** Opening Provided entries block **
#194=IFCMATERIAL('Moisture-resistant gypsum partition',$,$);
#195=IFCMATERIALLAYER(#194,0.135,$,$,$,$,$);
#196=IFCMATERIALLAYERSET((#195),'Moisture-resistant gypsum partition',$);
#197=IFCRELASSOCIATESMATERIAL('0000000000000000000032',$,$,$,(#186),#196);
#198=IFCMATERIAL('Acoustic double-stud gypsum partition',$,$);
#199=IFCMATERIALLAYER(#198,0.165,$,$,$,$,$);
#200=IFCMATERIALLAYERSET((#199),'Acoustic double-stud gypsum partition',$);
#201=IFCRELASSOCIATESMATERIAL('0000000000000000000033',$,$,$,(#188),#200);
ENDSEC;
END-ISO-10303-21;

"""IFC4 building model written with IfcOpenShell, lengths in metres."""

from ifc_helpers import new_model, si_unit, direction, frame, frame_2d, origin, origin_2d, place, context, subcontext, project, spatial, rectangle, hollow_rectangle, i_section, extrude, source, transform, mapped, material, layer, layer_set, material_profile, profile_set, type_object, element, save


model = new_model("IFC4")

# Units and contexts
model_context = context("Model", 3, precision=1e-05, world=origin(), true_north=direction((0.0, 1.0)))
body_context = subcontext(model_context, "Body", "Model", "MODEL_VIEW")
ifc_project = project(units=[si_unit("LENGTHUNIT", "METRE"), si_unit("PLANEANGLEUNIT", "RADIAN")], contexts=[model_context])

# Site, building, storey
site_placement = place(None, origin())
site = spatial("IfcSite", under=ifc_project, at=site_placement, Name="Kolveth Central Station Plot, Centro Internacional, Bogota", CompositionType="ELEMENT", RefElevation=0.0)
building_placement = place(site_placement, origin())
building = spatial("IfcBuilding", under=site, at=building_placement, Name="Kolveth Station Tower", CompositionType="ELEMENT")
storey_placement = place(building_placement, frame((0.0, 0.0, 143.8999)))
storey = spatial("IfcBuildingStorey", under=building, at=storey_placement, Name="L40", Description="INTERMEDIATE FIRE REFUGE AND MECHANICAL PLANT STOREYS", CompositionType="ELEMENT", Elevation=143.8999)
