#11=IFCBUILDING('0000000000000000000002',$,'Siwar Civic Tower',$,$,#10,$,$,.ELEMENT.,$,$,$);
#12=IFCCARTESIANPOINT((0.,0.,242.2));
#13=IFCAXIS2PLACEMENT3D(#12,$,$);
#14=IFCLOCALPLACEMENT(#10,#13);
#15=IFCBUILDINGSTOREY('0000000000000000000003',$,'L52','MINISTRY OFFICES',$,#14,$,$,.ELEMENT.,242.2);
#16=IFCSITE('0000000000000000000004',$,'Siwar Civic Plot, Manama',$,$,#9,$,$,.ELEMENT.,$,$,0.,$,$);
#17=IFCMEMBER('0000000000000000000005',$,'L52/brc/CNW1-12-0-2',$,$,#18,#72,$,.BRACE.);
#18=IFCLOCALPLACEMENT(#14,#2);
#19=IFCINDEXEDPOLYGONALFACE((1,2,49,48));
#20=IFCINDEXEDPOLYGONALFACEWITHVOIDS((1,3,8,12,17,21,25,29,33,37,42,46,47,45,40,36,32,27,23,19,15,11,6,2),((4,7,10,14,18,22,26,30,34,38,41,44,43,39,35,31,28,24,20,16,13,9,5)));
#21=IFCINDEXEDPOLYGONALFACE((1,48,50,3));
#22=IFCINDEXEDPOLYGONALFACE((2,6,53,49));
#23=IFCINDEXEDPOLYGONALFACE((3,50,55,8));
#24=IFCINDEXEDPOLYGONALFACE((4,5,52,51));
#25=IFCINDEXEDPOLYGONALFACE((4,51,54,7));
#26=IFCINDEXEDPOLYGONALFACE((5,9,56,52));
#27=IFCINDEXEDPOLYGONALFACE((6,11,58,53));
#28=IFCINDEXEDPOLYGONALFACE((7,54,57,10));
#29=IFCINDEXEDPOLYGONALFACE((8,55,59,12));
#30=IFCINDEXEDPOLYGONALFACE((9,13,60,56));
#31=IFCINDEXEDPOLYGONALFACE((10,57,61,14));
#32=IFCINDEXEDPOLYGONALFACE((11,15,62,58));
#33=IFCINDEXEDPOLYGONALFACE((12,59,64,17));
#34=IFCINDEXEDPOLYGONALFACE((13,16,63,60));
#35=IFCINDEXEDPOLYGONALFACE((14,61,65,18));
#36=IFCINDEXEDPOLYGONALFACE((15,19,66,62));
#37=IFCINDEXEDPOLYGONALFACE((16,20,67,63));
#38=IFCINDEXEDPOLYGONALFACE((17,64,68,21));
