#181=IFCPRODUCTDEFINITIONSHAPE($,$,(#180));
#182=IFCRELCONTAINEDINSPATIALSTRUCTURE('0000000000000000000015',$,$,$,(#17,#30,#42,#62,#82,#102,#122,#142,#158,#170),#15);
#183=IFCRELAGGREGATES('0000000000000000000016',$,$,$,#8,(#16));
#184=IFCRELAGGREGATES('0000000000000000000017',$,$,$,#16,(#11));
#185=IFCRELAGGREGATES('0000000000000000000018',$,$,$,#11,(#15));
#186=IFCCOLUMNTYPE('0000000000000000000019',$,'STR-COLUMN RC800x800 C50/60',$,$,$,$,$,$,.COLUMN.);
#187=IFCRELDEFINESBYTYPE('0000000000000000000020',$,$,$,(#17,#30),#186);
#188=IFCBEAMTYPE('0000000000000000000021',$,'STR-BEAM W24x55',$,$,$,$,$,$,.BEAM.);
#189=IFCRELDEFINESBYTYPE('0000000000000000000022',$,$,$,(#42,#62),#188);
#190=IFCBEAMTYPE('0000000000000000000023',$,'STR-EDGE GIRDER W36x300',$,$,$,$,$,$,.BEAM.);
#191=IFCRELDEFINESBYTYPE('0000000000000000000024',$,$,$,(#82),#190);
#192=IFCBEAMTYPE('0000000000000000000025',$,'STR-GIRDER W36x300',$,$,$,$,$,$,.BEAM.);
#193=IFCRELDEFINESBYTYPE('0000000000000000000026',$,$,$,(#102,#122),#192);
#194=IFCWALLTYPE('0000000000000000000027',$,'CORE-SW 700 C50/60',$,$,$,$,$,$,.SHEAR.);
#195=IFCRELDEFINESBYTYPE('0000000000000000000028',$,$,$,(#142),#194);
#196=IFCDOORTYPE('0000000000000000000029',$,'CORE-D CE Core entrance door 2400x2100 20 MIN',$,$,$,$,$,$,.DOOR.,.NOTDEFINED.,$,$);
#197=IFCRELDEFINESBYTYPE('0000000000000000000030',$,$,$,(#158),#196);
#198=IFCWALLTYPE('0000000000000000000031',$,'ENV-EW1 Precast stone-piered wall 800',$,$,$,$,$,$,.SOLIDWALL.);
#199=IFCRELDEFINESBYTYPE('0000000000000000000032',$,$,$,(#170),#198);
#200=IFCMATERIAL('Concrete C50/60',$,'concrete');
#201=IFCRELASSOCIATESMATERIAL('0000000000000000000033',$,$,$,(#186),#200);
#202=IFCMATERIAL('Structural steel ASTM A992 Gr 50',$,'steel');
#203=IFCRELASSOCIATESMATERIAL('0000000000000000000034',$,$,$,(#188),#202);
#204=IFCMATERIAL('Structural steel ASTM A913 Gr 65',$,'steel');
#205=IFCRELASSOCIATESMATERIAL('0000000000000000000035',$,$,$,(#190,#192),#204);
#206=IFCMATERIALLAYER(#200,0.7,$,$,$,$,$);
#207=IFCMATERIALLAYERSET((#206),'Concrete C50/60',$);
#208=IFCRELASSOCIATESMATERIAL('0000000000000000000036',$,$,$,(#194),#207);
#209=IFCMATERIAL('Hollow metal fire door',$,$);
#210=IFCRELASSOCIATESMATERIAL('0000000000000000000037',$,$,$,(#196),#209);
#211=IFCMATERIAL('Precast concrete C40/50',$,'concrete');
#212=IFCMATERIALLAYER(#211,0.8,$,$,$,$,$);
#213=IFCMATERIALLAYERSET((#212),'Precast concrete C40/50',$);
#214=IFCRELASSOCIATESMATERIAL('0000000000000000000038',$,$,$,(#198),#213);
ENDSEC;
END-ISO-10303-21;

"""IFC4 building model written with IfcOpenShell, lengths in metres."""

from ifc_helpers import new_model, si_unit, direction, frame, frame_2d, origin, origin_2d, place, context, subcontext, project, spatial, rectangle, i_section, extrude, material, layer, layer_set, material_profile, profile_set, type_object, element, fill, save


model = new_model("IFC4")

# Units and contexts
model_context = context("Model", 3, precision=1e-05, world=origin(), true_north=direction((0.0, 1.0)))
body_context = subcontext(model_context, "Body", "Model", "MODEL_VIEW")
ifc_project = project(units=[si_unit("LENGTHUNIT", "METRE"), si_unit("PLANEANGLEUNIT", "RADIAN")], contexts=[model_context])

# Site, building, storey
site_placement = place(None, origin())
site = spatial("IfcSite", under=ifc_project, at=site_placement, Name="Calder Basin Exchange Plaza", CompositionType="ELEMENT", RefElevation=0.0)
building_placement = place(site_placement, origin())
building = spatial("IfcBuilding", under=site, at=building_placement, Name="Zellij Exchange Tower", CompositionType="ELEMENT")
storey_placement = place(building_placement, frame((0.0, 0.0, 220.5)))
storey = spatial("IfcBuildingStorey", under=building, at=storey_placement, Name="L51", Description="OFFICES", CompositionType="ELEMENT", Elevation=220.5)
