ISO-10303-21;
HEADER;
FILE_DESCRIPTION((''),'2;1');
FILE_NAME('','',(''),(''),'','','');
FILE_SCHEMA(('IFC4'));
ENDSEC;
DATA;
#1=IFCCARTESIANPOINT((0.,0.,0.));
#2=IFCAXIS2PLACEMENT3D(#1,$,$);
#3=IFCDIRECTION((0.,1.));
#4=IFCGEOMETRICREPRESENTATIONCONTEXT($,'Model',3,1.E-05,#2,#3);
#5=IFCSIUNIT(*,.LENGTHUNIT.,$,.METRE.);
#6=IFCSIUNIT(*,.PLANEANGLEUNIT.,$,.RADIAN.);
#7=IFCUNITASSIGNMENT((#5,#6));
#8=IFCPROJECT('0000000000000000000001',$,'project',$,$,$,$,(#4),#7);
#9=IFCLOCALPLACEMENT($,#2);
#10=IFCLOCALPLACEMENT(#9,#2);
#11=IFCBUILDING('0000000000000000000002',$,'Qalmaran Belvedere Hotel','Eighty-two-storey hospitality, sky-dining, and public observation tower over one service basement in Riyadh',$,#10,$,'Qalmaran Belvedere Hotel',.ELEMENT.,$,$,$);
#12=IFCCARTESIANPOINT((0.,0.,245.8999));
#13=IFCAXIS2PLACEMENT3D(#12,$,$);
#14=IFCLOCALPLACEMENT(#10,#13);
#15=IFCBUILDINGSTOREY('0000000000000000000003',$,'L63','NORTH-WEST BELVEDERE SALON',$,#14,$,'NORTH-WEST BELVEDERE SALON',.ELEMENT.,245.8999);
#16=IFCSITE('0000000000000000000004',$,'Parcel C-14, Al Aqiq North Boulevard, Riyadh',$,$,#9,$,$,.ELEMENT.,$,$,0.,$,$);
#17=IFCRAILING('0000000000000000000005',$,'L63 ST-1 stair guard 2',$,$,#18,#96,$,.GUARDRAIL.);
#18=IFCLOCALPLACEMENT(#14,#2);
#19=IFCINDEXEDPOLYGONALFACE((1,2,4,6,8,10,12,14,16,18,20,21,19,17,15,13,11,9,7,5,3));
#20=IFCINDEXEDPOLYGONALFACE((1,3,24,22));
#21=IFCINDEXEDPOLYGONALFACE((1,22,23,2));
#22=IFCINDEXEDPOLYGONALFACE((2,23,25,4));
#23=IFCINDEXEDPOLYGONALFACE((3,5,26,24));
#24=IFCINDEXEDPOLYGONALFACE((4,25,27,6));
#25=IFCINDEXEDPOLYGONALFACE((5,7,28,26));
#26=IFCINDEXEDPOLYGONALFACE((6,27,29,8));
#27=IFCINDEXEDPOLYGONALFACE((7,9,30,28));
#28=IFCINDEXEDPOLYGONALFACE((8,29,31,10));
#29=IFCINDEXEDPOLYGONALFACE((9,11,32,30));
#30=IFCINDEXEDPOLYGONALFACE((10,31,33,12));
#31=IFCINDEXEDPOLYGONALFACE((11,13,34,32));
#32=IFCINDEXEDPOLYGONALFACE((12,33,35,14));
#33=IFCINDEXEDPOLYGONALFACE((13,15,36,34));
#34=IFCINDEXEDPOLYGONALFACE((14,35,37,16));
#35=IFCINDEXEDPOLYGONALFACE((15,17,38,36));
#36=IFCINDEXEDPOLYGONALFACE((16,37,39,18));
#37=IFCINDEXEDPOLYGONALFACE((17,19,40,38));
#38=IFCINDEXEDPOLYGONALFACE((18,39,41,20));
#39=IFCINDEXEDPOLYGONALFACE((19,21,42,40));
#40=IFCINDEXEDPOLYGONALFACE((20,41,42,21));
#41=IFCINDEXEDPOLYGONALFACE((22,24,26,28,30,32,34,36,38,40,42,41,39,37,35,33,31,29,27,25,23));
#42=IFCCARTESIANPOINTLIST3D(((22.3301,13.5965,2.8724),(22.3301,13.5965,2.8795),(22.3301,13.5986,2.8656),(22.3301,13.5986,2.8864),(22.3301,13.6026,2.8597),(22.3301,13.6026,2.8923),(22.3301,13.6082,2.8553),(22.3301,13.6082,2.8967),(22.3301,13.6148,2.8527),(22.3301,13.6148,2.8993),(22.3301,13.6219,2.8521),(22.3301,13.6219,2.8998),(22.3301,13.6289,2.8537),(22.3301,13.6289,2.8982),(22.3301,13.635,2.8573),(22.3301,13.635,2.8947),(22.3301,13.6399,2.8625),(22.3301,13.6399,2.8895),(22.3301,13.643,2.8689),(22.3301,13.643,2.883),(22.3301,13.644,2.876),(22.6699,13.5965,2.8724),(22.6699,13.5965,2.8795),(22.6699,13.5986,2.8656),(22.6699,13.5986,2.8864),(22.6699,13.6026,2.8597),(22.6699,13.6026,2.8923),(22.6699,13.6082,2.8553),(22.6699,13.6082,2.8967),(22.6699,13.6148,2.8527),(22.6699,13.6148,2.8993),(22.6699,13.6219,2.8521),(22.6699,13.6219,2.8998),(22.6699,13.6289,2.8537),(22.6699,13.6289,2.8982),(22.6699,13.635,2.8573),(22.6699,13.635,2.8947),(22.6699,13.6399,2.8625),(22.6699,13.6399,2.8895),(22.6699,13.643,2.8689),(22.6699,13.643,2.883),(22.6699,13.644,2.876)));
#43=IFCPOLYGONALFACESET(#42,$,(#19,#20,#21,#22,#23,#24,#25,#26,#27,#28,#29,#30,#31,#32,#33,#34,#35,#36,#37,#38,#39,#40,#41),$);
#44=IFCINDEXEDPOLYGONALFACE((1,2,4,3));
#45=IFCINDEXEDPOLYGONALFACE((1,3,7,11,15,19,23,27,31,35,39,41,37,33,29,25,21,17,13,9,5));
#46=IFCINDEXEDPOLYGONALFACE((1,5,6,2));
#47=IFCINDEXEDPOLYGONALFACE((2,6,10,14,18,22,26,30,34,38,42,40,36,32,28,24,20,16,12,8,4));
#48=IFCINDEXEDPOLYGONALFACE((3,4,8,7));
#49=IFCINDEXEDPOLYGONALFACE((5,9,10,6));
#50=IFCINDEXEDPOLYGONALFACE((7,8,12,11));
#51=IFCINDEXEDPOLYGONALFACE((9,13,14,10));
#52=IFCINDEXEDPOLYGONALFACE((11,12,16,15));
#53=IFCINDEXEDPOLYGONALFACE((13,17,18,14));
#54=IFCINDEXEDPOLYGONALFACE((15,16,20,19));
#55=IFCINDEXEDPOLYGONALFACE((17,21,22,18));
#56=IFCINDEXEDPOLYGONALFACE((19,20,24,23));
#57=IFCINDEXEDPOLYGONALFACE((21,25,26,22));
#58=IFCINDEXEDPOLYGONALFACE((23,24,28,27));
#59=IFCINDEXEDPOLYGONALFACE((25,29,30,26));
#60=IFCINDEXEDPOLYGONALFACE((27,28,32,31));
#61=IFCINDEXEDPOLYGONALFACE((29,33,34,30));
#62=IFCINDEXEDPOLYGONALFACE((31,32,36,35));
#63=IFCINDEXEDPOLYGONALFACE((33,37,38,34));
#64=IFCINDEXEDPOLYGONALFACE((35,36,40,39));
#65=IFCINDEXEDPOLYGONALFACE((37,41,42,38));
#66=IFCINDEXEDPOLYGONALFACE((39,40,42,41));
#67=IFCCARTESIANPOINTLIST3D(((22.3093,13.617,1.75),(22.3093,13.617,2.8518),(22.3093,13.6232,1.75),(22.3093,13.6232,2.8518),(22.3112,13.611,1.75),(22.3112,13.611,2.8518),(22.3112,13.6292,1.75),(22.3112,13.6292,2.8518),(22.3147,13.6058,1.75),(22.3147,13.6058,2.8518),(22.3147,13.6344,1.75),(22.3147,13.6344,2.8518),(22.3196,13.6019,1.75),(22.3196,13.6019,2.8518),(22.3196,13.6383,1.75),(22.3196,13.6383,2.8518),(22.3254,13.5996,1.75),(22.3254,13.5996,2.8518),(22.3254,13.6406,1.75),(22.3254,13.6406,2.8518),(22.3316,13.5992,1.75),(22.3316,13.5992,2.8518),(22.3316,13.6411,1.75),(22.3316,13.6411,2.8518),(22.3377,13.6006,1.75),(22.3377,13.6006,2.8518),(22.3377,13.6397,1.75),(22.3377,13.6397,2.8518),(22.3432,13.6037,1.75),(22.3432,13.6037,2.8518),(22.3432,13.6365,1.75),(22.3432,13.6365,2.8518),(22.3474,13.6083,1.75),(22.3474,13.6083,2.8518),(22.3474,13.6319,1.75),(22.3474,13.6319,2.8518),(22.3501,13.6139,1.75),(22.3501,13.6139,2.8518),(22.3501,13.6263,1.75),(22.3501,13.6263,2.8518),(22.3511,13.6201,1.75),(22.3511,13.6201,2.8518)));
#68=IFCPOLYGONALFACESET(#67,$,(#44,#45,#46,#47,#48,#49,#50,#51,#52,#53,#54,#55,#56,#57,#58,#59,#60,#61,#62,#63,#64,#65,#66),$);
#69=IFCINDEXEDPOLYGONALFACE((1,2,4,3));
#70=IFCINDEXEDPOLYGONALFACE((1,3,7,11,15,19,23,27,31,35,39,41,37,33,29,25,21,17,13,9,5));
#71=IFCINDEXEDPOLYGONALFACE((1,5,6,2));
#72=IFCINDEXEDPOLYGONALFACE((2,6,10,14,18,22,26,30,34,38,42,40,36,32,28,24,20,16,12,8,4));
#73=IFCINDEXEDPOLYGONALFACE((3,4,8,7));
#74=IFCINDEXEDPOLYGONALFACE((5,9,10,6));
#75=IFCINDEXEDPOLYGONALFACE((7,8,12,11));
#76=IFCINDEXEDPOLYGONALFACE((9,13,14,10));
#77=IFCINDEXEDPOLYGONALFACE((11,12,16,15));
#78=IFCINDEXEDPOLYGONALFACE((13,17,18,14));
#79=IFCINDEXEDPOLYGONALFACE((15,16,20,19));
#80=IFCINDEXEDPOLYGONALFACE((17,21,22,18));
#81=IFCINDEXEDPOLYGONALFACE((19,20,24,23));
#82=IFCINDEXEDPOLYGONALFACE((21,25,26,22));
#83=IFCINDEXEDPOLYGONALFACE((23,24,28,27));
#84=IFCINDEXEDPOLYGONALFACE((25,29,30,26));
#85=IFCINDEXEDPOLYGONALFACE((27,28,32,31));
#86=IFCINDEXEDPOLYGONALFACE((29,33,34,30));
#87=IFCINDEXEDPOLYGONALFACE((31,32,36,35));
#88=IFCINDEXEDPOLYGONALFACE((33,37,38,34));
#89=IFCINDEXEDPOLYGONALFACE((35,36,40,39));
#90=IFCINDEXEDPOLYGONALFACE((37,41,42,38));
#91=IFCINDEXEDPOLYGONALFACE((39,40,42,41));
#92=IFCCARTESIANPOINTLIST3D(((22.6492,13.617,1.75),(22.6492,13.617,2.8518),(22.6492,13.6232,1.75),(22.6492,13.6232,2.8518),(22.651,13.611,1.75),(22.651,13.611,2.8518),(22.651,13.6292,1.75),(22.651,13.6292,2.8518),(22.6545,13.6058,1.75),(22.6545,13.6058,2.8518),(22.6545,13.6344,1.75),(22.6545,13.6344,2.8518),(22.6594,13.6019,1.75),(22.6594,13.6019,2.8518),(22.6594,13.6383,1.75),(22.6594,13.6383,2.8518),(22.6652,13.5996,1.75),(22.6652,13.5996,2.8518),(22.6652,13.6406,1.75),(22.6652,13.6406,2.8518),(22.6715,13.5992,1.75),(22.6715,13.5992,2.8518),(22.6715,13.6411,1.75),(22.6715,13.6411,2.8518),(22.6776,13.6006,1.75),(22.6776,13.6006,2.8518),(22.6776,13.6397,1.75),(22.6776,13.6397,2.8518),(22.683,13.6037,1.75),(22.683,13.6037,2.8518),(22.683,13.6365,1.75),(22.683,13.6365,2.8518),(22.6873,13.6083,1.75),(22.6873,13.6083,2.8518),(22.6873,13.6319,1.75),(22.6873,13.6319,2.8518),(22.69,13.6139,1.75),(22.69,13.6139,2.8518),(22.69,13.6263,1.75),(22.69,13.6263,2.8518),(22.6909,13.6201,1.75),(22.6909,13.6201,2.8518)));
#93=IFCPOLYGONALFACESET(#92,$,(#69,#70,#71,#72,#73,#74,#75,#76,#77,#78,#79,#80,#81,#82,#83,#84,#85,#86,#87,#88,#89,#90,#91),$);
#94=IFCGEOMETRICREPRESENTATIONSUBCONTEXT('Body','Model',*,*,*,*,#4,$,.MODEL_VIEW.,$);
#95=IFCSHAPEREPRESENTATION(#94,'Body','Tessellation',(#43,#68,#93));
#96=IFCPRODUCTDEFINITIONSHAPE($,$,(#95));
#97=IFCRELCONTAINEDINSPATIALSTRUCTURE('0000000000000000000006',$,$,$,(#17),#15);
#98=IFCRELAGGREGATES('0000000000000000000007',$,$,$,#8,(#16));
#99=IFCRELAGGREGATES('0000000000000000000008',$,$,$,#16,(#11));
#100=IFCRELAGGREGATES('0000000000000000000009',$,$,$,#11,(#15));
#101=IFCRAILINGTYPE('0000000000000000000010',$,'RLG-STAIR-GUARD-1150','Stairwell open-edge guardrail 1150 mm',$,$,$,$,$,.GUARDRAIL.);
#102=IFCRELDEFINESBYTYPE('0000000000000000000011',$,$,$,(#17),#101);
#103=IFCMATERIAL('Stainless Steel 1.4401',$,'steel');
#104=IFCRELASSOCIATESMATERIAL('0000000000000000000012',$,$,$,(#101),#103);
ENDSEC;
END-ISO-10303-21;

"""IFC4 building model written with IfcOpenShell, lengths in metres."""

from ifc_helpers import new_model, si_unit, direction, frame, origin, origin_2d, place, context, subcontext, project, spatial, circle, extrude, material, type_object, element, save


model = new_model("IFC4")

# Units and contexts
model_context = context("Model", 3, precision=1e-05, world=origin(), true_north=direction((0.0, 1.0)))
body_context = subcontext(model_context, "Body", "Model", "MODEL_VIEW")
ifc_project = project(units=[si_unit("LENGTHUNIT", "METRE"), si_unit("PLANEANGLEUNIT", "RADIAN")], contexts=[model_context])

# Site, building, storey
site_placement = place(None, origin())
site = spatial("IfcSite", under=ifc_project, at=site_placement, Name="Parcel C-14, Al Aqiq North Boulevard, Riyadh", CompositionType="ELEMENT", RefElevation=0.0)
building_placement = place(site_placement, origin())
building = spatial("IfcBuilding", under=site, at=building_placement, Name="Qalmaran Belvedere Hotel", Description="Eighty-two-storey hospitality, sky-dining, and public observation tower over one service basement in Riyadh", LongName="Qalmaran Belvedere Hotel", CompositionType="ELEMENT")
storey_placement = place(building_placement, frame((0.0, 0.0, 245.8999)))
storey = spatial("IfcBuildingStorey", under=building, at=storey_placement, Name="L63", Description="NORTH-WEST BELVEDERE SALON", LongName="NORTH-WEST BELVEDERE SALON", CompositionType="ELEMENT", Elevation=245.8999)

# Shared definitions
ifc_material_1 = material(Name="Stainless Steel 1.4401", Category="steel")

# Railing
railing_type_1 = type_object("IfcRailingType", Name="RLG-STAIR-GUARD-1150", Description="Stairwell open-edge guardrail 1150 mm", PredefinedType="GUARDRAIL", material=ifc_material_1)
railing_1_placement = place(storey_placement, frame((22.3301, 13.6201, 1.75)))
element("IfcRailing", 1, at=railing_1_placement, inside=storey, type_object=railing_type_1, Name="L63 ST-1 stair guard 2", PredefinedType="GUARDRAIL", context=body_context, shape_type="SweptSolid", body=[
    extrude(circle(Radius=0.0239, at=origin_2d()), frame((0.0, 0.0, 1.126), z_axis=(1.0, 0.0, 0.0), x_axis=(0.0, 1.0, 0.0)), (0.0, 0.0, 1.0), 0.3398),
    extrude(circle(Radius=0.021, at=origin_2d()), origin(), (0.0, 0.0, 1.0), 1.1018),
    extrude(circle(Radius=0.021, at=origin_2d()), frame((0.3398, 0.0, 0.0)), (0.0, 0.0, 1.0), 1.1018),
])

save(model, "model.ifc")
** Closing Provided entries block **
■ Exercise description ■
Could you restate, word for word, the lines above from the one with "#39=IFCINDEXEDPOLYGONALFACE((19,21,42,40));" to the one with "#61=IFCINDEXEDPOLYGONALFACE((29,33,34,30));", both included?

■ Answer for this exercise ■
#39=IFCINDEXEDPOLYGONALFACE((19,21,42,40));
#40=IFCINDEXEDPOLYGONALFACE((20,41,42,21));
#41=IFCINDEXEDPOLYGONALFACE((22,24,26,28,30,32,34,36,38,40,42,41,39,37,35,33,31,29,27,25,23));
#42=IFCCARTESIANPOINTLIST3D(((22.3301,13.5965,2.8724),(22.3301,13.5965,2.8795),(22.3301,13.5986,2.8656),(22.3301,13.5986,2.8864),(22.3301,13.6026,2.8597),(22.3301,13.6026,2.8923),(22.3301,13.6082,2.8553),(22.3301,13.6082,2.8967),(22.3301,13.6148,2.8527),(22.3301,13.6148,2.8993),(22.3301,13.6219,2.8521),(22.3301,13.6219,2.8998),(22.3301,13.6289,2.8537),(22.3301,13.6289,2.8982),(22.3301,13.635,2.8573),(22.3301,13.635,2.8947),(22.3301,13.6399,2.8625),(22.3301,13.6399,2.8895),(22.3301,13.643,2.8689),(22.3301,13.643,2.883),(22.3301,13.644,2.876),(22.6699,13.5965,2.8724),(22.6699,13.5965,2.8795),(22.6699,13.5986,2.8656),(22.6699,13.5986,2.8864),(22.6699,13.6026,2.8597),(22.6699,13.6026,2.8923),(22.6699,13.6082,2.8553),(22.6699,13.6082,2.8967),(22.6699,13.6148,2.8527),(22.6699,13.6148,2.8993),(22.6699,13.6219,2.8521),(22.6699,13.6219,2.8998),(22.6699,13.6289,2.8537),(22.6699,13.6289,2.8982),(22.6699,13.635,2.8573),(22.6699,13.635,2.8947),(22.6699,13.6399,2.8625),(22.6699,13.6399,2.8895),(22.6699,13.643,2.8689),(22.6699,13.643,2.883),(22.6699,13.644,2.876)));
#43=IFCPOLYGONALFACESET(#42,$,(#19,#20,#21,#22,#23,#24,#25,#26,#27,#28,#29,#30,#31,#32,#33,#34,#35,#36,#37,#38,#39,#40,#41),$);
#44=IFCINDEXEDPOLYGONALFACE((1,2,4,3));
#45=IFCINDEXEDPOLYGONALFACE((1,3,7,11,15,19,23,27,31,35,39,41,37,33,29,25,21,17,13,9,5));
#46=IFCINDEXEDPOLYGONALFACE((1,5,6,2));
#47=IFCINDEXEDPOLYGONALFACE((2,6,10,14,18,22,26,30,34,38,42,40,36,32,28,24,20,16,12,8,4));
#48=IFCINDEXEDPOLYGONALFACE((3,4,8,7));
#49=IFCINDEXEDPOLYGONALFACE((5,9,10,6));
#50=IFCINDEXEDPOLYGONALFACE((7,8,12,11));
#51=IFCINDEXEDPOLYGONALFACE((9,13,14,10));
#52=IFCINDEXEDPOLYGONALFACE((11,12,16,15));
#53=IFCINDEXEDPOLYGONALFACE((13,17,18,14));
#54=IFCINDEXEDPOLYGONALFACE((15,16,20,19));
#55=IFCINDEXEDPOLYGONALFACE((17,21,22,18));
#56=IFCINDEXEDPOLYGONALFACE((19,20,24,23));
#57=IFCINDEXEDPOLYGONALFACE((21,25,26,22));
#58=IFCINDEXEDPOLYGONALFACE((23,24,28,27));
#59=IFCINDEXEDPOLYGONALFACE((25,29,30,26));
#60=IFCINDEXEDPOLYGONALFACE((27,28,32,31));
#61=IFCINDEXEDPOLYGONALFACE((29,33,34,30));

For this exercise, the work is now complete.